Segment Open

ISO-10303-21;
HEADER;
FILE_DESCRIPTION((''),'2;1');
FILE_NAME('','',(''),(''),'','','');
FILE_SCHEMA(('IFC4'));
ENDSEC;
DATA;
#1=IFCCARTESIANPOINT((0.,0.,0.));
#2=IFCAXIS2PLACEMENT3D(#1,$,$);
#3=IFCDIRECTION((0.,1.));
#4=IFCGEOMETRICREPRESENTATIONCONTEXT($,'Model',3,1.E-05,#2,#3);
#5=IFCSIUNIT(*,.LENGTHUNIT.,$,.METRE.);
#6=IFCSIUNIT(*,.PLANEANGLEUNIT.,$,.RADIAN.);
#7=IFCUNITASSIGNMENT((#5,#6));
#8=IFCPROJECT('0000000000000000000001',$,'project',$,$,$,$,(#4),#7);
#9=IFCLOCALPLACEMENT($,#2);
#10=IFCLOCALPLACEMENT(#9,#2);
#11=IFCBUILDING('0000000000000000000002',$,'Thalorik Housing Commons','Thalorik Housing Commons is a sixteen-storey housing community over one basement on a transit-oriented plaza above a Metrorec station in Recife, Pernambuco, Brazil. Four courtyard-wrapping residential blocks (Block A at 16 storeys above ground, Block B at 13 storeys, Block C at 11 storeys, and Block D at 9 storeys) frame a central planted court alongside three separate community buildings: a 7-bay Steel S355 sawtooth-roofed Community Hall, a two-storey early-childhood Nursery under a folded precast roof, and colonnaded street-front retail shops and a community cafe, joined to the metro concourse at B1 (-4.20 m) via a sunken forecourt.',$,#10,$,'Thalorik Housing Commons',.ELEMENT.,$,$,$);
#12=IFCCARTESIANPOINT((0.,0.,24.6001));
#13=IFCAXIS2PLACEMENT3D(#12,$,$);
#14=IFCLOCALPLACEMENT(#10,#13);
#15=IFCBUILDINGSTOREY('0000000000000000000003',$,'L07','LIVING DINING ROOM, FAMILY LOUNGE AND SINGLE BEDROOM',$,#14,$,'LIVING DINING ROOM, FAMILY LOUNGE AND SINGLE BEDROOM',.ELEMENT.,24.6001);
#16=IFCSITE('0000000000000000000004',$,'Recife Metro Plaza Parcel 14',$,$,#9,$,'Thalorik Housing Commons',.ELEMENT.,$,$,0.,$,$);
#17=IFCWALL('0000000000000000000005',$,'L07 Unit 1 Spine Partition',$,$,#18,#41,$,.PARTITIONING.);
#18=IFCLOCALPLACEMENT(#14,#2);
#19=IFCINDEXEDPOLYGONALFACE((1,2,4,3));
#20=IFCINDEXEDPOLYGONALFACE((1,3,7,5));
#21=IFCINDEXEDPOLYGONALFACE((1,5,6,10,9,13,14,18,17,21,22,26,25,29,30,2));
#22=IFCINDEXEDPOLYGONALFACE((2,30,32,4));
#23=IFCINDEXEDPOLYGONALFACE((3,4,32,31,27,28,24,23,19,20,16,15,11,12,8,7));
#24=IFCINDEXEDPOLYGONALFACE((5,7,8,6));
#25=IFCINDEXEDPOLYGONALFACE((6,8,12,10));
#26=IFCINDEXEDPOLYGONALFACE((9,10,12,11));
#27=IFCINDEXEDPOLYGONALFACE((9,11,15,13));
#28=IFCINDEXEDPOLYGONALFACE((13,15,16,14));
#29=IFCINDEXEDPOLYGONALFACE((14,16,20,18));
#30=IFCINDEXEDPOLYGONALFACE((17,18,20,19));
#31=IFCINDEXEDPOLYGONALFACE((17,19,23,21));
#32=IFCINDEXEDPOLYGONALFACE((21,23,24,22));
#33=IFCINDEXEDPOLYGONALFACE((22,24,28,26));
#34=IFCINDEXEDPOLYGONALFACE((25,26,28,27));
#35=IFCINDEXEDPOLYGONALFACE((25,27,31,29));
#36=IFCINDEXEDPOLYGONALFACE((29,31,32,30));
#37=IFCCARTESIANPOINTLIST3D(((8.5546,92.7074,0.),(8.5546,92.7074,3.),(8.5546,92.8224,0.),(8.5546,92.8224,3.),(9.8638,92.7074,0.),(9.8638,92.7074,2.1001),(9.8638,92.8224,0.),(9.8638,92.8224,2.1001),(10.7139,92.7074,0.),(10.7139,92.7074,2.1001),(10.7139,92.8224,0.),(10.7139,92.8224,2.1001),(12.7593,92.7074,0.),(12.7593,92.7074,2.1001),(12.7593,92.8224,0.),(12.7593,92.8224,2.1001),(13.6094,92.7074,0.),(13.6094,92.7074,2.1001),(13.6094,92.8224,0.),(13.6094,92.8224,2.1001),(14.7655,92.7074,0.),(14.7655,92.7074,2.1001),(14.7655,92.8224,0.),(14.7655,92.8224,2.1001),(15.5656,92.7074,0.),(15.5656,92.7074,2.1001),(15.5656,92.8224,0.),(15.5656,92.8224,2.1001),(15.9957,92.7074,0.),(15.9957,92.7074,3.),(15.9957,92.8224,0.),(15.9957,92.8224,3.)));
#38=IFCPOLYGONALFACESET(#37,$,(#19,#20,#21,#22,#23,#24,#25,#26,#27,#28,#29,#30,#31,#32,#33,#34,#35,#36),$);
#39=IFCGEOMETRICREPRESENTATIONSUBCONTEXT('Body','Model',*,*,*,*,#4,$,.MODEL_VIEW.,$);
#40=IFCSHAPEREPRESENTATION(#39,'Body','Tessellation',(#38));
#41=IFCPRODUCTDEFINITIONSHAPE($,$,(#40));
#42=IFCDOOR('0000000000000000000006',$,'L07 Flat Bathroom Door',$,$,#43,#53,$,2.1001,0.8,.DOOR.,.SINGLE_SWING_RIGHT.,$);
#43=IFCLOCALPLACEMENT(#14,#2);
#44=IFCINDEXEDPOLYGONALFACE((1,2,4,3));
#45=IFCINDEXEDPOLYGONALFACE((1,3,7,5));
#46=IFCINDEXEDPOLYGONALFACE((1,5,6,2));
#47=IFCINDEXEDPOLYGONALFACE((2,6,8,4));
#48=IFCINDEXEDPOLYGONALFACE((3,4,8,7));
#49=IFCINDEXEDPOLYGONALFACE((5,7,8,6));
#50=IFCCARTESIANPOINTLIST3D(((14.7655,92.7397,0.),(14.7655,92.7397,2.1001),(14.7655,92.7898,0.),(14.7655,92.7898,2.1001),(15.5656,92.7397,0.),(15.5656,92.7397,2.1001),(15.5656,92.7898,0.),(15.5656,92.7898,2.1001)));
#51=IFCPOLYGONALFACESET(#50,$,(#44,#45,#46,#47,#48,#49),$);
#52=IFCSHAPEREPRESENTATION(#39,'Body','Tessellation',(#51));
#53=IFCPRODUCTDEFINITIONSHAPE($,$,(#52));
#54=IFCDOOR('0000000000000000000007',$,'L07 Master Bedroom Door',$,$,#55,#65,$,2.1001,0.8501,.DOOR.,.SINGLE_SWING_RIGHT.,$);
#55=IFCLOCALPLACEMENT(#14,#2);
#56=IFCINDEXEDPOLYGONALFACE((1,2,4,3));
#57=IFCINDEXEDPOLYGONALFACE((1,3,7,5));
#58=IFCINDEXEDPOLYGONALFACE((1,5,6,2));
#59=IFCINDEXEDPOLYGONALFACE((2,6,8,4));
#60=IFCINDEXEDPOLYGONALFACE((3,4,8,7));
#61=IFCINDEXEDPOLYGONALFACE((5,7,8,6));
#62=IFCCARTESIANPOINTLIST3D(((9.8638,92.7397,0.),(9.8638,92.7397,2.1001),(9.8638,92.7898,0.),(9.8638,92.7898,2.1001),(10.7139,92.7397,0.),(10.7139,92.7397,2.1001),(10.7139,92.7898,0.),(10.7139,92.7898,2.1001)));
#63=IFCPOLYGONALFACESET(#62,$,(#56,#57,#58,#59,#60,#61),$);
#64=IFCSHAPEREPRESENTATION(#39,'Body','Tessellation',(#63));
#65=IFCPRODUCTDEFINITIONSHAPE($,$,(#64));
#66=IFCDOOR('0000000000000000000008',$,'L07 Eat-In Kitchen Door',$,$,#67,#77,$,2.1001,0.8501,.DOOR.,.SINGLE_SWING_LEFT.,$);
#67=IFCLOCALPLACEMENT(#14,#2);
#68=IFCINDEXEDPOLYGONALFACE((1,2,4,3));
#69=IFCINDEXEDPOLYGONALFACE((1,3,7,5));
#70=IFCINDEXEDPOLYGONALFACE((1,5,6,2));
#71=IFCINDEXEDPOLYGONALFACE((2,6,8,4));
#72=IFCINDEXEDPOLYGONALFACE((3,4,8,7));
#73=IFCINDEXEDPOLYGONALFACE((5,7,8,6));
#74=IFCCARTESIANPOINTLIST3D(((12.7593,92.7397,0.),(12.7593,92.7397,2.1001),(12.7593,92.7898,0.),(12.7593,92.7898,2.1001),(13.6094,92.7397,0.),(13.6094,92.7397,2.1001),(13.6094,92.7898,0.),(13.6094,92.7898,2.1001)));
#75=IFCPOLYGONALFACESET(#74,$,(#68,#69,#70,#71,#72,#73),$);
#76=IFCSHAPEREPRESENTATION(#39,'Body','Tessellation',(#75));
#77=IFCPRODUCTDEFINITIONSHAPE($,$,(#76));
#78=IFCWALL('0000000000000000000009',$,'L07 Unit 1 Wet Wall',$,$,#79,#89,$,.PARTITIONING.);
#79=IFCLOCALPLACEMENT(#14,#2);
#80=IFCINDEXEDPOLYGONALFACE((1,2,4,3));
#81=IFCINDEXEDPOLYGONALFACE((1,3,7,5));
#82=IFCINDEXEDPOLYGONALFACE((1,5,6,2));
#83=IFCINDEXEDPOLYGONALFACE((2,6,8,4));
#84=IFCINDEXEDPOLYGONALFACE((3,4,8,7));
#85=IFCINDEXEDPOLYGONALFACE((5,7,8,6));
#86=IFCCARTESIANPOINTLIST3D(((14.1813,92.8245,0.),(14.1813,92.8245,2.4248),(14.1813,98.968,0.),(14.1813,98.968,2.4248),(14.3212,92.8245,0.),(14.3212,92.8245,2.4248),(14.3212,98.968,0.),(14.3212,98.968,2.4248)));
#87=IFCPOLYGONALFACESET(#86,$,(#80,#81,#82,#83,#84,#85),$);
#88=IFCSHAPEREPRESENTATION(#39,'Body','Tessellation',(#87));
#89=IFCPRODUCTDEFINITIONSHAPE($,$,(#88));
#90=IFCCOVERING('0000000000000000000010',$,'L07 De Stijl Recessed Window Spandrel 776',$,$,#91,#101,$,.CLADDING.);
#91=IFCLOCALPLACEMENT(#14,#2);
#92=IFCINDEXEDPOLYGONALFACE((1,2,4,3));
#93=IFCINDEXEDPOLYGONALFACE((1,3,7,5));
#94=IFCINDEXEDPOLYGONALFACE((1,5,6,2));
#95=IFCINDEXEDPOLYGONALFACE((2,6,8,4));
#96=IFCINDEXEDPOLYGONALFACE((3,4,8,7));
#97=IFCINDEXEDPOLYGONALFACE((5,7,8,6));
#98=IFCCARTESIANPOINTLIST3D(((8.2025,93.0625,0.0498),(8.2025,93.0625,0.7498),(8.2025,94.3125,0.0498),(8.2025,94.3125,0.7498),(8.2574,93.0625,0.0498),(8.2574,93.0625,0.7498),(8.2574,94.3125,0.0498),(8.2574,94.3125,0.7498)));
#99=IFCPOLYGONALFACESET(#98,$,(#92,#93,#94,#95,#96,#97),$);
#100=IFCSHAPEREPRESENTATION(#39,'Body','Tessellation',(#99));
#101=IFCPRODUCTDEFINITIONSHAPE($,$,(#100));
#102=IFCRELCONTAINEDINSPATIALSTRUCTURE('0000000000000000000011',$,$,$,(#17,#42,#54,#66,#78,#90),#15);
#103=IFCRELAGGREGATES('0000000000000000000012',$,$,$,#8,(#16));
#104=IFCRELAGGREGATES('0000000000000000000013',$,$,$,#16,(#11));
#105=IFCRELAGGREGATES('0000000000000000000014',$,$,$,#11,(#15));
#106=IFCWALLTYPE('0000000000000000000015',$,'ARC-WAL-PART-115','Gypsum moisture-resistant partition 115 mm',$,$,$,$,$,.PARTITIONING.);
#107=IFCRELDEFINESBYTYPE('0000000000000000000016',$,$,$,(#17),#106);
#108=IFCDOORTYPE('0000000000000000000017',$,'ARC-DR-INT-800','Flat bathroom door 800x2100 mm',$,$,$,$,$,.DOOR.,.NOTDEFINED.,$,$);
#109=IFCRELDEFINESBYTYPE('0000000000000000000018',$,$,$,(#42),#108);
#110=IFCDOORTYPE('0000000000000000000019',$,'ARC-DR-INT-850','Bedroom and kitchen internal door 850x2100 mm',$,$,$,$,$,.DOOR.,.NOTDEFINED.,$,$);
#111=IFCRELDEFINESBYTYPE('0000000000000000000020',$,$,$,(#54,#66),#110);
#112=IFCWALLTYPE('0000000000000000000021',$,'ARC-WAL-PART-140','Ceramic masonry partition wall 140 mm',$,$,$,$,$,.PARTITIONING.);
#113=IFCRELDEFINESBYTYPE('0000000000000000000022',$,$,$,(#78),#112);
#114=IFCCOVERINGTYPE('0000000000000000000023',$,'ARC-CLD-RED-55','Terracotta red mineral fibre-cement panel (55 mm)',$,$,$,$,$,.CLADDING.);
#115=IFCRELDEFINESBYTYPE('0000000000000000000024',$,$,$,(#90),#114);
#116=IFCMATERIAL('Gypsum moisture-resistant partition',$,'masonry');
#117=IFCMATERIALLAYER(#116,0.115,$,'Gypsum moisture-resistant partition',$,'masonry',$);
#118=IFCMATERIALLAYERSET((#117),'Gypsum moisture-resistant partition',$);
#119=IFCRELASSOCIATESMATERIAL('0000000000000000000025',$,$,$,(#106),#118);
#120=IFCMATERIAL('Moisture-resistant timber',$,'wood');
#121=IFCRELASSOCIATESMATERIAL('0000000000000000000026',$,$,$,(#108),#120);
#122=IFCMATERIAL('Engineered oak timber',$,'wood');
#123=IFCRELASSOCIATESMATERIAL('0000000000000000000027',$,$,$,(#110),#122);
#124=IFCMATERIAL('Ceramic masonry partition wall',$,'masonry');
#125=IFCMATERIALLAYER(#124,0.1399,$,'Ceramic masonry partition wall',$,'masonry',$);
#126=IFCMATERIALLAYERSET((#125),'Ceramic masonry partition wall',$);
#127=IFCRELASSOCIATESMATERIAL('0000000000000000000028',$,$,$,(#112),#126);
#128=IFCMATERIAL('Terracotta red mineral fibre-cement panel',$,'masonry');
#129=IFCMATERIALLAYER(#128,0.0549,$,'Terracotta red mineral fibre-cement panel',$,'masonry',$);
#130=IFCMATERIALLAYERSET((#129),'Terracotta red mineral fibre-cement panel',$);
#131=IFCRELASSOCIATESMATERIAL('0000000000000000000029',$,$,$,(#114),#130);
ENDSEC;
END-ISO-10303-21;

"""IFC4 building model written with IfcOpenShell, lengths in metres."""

from ifc_helpers import new_model, si_unit, direction, frame, frame_2d, origin, origin_2d, place, context, subcontext, project, spatial, rectangle, extrude, material, layer, layer_set, type_object, element, fill, save


model = new_model("IFC4")

# Units and contexts
model_context = context("Model", 3, precision=1e-05, world=origin(), true_north=direction((0.0, 1.0)))
body_context = subcontext(model_context, "Body", "Model", "MODEL_VIEW")
ifc_project = project(units=[si_unit("LENGTHUNIT", "METRE"), si_unit("PLANEANGLEUNIT", "RADIAN")], contexts=[model_context])

# Site, building, storey
site_placement = place(None, origin())
site = spatial("IfcSite", under=ifc_project, at=site_placement, Name="Recife Metro Plaza Parcel 14", LongName="Thalorik Housing Commons", CompositionType="ELEMENT", RefElevation=0.0)
building_placement = place(site_placement, origin())
building = spatial("IfcBuilding", under=site, at=building_placement, Name="Thalorik Housing Commons", Description="Thalorik Housing Commons is a sixteen-storey housing community over one basement on a transit-oriented plaza above a Metrorec station in Recife, Pernambuco, Brazil. Four courtyard-wrapping residential blocks (Block A at 16 storeys above ground, Block B at 13 storeys, Block C at 11 storeys, and Block D at 9 storeys) frame a central planted court alongside three separate community buildings: a 7-bay Steel S355 sawtooth-roofed Community Hall, a two-storey early-childhood Nursery under a folded precast roof, and colonnaded street-front retail shops and a community cafe, joined to the metro concourse at B1 (-4.20 m) via a sunken forecourt.", LongName="Thalorik Housing Commons", CompositionType="ELEMENT")
storey_placement = place(building_placement, frame((0.0, 0.0, 24.6001)))
storey = spatial("IfcBuildingStorey", under=building, at=storey_placement, Name="L07", Description="LIVING DINING ROOM, FAMILY LOUNGE AND SINGLE BEDROOM", LongName="LIVING DINING ROOM, FAMILY LOUNGE AND SINGLE BEDROOM", CompositionType="ELEMENT", Elevation=24.6001)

Segment Closed

TASK ITEM: Return each line of the entries that holds the string "IFCPOLYGONALFACESET".

OUTPUT:
#38=IFCPOLYGONALFACESET(#37,$,(#19,#20,#21,#22,#23,#24,#25,#26,#27,#28,#29,#30,#31,#32,#33,#34,#35,#36),$);
#51=IFCPOLYGONALFACESET(#50,$,(#44,#45,#46,#47,#48,#49),$);
#63=IFCPOLYGONALFACESET(#62,$,(#56,#57,#58,#59,#60,#61),$);
#75=IFCPOLYGONALFACESET(#74,$,(#68,#69,#70,#71,#72,#73),$);
#87=IFCPOLYGONALFACESET(#86,$,(#80,#81,#82,#83,#84,#85),$);
#99=IFCPOLYGONALFACESET(#98,$,(#92,#93,#94,#95,#96,#97),$);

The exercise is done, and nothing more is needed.